Items from a data source:

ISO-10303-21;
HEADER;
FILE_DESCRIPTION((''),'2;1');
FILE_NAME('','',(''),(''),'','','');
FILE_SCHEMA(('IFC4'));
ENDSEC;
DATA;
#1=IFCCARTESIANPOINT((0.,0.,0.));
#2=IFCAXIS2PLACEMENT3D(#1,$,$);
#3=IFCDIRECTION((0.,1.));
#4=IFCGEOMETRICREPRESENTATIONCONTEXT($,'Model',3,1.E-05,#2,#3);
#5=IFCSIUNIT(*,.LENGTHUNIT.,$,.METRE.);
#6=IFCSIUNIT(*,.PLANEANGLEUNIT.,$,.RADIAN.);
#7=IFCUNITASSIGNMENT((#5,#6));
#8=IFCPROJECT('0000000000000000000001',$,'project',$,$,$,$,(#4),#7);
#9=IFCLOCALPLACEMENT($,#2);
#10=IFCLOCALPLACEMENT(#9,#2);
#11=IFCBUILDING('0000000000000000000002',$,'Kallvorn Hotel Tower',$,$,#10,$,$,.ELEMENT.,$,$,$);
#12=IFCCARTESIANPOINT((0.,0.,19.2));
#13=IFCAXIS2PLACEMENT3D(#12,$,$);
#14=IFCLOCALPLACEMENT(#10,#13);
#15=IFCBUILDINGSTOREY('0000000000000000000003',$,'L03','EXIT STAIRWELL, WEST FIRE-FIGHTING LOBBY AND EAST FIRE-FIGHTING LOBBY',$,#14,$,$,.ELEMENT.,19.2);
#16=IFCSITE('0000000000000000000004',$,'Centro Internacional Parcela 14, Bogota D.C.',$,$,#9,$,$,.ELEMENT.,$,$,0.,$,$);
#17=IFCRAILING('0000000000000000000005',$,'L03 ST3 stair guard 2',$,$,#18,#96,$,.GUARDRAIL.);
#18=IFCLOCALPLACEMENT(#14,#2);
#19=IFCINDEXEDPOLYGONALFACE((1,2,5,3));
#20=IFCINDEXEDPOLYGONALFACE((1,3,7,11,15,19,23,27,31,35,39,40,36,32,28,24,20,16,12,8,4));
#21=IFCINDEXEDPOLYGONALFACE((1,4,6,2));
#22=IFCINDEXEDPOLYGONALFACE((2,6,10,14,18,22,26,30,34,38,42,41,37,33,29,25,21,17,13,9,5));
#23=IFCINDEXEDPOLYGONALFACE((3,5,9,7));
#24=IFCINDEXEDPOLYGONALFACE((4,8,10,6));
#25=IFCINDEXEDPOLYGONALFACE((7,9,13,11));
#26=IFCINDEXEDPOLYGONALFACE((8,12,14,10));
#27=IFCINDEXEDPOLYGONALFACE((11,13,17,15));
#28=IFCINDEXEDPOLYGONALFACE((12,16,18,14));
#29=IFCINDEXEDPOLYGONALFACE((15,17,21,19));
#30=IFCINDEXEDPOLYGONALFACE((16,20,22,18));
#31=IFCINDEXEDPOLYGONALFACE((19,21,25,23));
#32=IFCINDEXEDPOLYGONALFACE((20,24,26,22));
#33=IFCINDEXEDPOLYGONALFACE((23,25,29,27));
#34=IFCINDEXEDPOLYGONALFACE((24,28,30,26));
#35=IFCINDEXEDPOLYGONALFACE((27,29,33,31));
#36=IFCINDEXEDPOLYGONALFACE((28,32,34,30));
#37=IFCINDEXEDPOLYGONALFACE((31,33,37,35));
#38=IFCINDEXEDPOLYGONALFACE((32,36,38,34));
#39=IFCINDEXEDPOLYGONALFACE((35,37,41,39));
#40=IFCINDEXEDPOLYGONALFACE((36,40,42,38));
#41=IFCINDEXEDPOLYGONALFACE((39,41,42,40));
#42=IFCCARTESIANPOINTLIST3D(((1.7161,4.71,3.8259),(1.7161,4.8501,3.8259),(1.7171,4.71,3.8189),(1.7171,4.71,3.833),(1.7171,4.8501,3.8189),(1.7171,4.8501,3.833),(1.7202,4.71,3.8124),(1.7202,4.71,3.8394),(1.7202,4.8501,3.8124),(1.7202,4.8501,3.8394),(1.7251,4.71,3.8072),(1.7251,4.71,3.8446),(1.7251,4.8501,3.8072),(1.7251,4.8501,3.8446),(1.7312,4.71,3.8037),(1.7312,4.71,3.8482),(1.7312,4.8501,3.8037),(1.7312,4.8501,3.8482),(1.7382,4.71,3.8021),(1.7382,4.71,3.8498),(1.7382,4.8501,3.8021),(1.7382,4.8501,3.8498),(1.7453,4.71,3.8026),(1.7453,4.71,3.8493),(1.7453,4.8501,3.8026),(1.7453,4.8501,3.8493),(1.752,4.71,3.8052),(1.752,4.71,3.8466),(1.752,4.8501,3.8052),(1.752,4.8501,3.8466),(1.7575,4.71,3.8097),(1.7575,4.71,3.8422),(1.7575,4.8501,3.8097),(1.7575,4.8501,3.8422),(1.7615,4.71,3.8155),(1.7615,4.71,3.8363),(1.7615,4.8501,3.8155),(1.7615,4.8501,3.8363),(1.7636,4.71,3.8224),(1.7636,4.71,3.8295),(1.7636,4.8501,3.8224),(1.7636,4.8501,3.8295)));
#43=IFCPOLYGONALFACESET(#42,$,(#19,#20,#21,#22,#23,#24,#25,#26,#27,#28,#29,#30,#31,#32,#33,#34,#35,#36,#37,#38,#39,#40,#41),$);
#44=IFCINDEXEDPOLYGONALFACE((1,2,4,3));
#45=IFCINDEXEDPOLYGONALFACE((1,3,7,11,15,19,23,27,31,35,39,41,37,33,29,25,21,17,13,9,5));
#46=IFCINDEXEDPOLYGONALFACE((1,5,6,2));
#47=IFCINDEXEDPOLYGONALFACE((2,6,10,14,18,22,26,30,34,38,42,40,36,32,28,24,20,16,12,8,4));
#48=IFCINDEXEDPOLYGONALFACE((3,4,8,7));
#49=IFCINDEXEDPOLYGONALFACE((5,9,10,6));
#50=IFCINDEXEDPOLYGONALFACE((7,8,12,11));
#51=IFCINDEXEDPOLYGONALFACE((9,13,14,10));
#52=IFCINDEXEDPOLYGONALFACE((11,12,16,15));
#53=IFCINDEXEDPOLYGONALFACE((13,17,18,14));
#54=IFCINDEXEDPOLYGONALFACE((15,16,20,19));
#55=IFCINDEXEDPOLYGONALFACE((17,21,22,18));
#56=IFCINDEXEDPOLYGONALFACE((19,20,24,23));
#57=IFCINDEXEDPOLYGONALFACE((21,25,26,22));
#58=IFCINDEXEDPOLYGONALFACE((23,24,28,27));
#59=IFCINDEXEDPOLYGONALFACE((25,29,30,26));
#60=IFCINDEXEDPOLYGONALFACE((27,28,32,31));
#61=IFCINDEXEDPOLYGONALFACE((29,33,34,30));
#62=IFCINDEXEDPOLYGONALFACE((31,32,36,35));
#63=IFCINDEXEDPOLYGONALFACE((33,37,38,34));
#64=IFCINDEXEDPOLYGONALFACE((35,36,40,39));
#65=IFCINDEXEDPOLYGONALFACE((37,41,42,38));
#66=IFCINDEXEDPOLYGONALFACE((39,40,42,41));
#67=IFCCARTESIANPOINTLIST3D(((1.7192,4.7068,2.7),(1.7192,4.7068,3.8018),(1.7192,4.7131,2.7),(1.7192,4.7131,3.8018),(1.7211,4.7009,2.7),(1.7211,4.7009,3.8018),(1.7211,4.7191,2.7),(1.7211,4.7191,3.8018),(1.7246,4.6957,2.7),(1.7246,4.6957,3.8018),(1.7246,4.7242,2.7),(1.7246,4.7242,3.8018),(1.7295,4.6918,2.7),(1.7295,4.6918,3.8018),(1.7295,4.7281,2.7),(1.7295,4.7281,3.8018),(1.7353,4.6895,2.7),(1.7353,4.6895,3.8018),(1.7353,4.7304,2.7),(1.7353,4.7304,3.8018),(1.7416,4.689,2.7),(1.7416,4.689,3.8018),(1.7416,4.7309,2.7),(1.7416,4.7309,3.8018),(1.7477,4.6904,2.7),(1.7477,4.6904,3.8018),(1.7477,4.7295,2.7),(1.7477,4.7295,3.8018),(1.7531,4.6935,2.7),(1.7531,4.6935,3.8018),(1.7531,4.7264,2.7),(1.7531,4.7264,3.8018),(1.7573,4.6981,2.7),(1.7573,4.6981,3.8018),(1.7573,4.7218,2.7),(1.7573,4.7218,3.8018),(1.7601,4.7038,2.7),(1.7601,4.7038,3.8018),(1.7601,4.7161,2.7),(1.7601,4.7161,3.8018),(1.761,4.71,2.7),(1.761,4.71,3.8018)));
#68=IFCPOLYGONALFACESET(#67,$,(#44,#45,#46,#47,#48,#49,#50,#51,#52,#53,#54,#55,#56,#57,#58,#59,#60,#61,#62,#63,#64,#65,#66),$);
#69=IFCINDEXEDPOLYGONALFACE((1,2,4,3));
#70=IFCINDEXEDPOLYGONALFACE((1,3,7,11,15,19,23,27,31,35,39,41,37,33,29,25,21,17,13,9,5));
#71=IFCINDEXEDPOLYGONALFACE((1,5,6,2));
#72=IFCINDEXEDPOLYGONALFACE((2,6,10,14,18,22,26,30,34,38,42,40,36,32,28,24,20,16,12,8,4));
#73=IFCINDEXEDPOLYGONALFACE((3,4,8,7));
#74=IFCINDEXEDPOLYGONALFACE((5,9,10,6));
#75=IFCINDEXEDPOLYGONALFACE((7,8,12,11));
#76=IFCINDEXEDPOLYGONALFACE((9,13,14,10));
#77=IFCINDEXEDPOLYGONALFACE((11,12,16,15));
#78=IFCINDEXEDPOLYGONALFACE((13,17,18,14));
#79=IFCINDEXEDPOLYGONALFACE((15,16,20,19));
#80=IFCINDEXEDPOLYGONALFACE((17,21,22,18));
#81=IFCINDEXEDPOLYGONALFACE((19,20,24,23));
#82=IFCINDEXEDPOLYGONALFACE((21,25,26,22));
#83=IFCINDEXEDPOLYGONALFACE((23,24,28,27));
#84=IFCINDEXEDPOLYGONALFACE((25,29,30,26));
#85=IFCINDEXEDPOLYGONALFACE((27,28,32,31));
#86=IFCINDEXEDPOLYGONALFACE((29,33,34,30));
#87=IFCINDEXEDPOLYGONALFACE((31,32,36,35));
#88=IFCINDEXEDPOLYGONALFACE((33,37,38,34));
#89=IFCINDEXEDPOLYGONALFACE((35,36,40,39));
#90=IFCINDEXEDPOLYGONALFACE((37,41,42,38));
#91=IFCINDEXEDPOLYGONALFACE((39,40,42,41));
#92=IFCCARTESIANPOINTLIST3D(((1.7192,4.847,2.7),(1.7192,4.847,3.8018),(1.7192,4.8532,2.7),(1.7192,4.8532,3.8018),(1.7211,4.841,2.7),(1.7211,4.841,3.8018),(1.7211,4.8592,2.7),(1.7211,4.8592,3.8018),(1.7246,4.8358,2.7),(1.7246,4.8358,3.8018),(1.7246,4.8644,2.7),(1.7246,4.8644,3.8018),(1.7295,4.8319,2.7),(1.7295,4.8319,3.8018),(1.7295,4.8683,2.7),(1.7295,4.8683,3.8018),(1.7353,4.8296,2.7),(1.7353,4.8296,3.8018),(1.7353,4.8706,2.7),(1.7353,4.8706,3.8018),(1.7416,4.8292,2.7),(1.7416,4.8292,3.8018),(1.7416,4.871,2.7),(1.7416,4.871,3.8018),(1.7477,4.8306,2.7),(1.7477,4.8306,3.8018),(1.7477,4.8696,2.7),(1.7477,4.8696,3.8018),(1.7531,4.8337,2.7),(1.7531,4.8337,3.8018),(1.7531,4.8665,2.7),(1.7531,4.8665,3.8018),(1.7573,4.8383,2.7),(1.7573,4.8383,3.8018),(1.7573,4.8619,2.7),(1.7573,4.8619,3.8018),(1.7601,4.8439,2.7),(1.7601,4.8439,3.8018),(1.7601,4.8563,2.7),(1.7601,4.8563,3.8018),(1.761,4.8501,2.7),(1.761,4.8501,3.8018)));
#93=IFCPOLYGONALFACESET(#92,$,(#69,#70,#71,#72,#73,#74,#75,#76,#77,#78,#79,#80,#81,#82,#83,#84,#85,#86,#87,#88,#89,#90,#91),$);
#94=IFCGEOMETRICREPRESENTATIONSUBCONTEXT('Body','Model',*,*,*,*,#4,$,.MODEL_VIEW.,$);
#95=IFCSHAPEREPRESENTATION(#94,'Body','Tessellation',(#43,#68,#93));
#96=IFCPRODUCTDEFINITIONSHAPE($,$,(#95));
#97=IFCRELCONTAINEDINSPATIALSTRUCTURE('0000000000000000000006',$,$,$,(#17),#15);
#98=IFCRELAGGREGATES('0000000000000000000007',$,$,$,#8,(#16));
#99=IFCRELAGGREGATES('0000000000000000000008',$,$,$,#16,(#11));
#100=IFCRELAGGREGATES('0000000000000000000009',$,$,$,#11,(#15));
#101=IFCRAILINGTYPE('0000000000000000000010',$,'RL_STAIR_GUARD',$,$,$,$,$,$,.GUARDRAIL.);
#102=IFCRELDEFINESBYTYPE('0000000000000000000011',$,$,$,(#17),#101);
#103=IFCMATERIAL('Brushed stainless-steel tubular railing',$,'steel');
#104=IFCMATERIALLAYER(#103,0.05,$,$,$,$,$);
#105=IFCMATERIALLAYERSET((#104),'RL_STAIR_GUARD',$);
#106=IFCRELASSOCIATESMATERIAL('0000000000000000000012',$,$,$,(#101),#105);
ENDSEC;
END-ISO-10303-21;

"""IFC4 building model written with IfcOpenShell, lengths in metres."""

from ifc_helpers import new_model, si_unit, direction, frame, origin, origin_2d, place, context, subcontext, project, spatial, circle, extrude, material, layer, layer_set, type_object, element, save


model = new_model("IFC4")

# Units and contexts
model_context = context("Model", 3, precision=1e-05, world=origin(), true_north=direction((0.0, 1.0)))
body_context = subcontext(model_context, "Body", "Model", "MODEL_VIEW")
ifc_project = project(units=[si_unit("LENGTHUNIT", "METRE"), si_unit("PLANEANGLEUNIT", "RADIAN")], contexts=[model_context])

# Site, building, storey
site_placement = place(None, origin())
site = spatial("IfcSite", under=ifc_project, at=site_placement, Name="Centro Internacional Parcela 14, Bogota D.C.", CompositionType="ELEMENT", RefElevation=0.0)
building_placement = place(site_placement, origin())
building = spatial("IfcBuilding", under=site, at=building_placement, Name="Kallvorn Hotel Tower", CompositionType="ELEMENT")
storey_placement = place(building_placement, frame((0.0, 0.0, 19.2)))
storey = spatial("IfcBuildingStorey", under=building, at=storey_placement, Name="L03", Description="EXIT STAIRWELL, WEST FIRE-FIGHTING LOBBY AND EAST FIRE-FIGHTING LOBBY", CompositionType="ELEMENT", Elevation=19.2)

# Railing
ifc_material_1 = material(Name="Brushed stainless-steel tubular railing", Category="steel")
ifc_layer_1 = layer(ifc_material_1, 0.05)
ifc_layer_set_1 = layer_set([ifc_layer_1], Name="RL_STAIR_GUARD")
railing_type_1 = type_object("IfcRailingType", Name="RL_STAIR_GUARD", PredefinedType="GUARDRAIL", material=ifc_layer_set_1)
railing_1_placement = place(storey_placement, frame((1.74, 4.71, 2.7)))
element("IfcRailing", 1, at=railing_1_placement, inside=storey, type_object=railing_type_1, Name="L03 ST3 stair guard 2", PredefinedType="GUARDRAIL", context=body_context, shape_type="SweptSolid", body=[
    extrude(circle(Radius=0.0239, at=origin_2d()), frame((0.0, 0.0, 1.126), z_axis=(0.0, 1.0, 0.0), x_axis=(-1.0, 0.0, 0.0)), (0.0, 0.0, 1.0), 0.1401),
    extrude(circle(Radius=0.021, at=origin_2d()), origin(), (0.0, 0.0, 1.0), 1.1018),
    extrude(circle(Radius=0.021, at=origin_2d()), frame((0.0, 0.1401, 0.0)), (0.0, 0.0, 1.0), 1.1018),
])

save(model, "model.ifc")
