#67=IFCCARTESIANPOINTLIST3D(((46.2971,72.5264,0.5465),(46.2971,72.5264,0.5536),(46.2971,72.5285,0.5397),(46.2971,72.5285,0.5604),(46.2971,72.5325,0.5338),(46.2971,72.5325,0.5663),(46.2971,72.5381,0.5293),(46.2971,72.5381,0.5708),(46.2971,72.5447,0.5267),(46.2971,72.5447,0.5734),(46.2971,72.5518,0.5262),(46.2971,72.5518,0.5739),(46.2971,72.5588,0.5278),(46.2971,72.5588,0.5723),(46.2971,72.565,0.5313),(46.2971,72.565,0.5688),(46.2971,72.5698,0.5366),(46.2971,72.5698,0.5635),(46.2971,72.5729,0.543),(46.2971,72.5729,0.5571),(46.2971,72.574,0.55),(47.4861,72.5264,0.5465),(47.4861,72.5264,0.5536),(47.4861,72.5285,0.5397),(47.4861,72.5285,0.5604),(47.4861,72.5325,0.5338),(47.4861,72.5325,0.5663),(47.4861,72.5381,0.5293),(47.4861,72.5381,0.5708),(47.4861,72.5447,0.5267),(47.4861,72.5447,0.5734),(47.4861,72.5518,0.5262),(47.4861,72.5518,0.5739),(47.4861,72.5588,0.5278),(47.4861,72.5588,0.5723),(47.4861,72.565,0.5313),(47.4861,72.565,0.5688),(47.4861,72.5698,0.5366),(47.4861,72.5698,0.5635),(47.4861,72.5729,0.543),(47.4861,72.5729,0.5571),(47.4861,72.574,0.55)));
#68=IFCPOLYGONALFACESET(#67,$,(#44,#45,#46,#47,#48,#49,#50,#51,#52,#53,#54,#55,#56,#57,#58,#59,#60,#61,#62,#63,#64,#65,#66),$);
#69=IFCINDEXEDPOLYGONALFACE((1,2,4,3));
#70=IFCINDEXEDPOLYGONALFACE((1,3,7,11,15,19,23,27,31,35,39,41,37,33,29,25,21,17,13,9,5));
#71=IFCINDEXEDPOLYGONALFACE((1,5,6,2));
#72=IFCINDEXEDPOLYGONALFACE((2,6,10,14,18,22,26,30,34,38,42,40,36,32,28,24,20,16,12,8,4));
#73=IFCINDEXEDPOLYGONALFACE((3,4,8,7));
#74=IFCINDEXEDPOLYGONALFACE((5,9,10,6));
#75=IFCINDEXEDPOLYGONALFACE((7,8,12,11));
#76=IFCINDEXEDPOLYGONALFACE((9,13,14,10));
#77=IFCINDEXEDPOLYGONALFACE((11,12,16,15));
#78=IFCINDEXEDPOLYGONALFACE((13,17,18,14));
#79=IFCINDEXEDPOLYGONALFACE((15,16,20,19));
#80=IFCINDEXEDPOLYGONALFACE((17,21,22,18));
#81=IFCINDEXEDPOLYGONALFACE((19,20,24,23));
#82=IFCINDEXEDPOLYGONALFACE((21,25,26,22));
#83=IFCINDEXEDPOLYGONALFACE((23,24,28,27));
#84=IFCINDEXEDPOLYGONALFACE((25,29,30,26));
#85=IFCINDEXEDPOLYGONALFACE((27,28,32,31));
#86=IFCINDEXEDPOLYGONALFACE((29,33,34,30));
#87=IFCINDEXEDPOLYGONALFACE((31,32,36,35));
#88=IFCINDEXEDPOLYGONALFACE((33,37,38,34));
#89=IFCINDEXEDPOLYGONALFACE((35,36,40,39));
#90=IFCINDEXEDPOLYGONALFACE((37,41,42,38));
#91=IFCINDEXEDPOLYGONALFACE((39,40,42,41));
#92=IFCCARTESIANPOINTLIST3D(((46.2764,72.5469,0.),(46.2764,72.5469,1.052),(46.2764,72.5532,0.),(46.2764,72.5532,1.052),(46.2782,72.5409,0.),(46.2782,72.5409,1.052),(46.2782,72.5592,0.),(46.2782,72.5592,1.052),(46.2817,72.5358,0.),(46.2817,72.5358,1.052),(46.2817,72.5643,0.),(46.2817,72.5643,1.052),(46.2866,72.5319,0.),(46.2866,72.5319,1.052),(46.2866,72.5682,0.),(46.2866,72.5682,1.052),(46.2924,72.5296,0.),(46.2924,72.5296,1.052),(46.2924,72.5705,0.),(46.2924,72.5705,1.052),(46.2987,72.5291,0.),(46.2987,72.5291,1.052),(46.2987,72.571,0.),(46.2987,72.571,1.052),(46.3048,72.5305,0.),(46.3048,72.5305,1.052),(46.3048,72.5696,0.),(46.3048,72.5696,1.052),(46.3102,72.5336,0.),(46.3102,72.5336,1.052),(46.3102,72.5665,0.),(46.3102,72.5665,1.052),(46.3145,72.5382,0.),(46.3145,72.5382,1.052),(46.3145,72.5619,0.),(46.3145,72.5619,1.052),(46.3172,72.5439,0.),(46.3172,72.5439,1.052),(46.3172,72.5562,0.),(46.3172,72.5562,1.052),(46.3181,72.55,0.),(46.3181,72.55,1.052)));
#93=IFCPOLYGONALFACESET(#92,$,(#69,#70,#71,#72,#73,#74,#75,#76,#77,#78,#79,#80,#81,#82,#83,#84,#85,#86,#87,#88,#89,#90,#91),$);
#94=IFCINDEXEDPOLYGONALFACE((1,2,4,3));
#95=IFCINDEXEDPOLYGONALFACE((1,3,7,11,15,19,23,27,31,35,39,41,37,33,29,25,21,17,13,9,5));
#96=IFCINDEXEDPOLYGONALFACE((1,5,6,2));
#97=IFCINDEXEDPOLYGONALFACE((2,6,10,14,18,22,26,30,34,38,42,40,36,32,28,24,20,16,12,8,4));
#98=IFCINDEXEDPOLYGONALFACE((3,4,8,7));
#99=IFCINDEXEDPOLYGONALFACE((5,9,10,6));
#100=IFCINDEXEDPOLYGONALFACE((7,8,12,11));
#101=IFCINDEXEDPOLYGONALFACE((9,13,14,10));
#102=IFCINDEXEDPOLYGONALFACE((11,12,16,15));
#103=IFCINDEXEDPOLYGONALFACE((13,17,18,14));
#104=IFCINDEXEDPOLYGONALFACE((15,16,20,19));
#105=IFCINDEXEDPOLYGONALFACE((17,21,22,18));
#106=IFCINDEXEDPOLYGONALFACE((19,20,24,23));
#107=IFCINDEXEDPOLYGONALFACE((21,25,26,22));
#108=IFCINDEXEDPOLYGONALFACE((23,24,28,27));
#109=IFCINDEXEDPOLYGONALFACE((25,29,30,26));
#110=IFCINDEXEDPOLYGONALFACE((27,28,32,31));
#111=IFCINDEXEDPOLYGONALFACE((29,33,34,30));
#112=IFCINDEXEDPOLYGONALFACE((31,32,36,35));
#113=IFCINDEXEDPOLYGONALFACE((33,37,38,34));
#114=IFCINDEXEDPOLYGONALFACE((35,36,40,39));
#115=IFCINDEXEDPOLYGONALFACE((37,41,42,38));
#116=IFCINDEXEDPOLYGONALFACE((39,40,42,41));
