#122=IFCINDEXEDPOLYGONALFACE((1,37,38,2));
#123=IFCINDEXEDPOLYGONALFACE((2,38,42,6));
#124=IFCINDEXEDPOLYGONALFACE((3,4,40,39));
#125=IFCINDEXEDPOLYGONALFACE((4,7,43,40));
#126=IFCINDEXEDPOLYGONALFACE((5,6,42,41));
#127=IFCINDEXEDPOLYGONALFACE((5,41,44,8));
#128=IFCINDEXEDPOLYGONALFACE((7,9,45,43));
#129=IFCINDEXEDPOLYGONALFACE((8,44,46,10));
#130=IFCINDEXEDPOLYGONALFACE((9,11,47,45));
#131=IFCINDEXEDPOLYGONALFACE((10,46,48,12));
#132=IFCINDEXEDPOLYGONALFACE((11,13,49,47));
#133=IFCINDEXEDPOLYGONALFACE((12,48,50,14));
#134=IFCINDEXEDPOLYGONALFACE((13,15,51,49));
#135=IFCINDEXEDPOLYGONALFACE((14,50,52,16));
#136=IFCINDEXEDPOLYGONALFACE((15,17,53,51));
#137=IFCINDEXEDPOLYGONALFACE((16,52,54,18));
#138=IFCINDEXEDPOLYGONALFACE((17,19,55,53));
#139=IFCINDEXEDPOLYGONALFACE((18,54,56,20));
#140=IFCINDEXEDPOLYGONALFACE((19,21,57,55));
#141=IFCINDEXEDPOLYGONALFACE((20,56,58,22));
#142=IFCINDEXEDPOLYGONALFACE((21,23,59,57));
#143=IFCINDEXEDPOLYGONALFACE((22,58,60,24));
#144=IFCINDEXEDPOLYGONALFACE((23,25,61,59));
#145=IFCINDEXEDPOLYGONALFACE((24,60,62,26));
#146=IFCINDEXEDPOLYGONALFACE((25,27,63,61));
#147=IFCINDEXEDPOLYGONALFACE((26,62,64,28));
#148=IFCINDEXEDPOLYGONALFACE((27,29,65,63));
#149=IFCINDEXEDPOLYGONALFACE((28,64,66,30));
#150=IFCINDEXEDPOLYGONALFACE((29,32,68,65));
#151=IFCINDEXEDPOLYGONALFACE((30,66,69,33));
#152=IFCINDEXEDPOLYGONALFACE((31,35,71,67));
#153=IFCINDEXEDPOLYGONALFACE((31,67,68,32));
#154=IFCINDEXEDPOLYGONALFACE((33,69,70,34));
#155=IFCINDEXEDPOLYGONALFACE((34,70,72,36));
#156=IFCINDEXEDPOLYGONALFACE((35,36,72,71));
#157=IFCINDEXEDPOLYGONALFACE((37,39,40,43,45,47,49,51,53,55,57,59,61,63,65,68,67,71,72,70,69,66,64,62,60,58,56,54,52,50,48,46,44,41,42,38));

• **TASK INSTRUCTIONS**
Each line above where the word "IFCRELAGGREGATES" occurs should be returned in full.

• **WRITTEN SOLUTION**
#98=IFCRELAGGREGATES('0000000000000000000007',$,$,$,#8,(#16));
#99=IFCRELAGGREGATES('0000000000000000000008',$,$,$,#16,(#11));
#100=IFCRELAGGREGATES('0000000000000000000009',$,$,$,#11,(#15));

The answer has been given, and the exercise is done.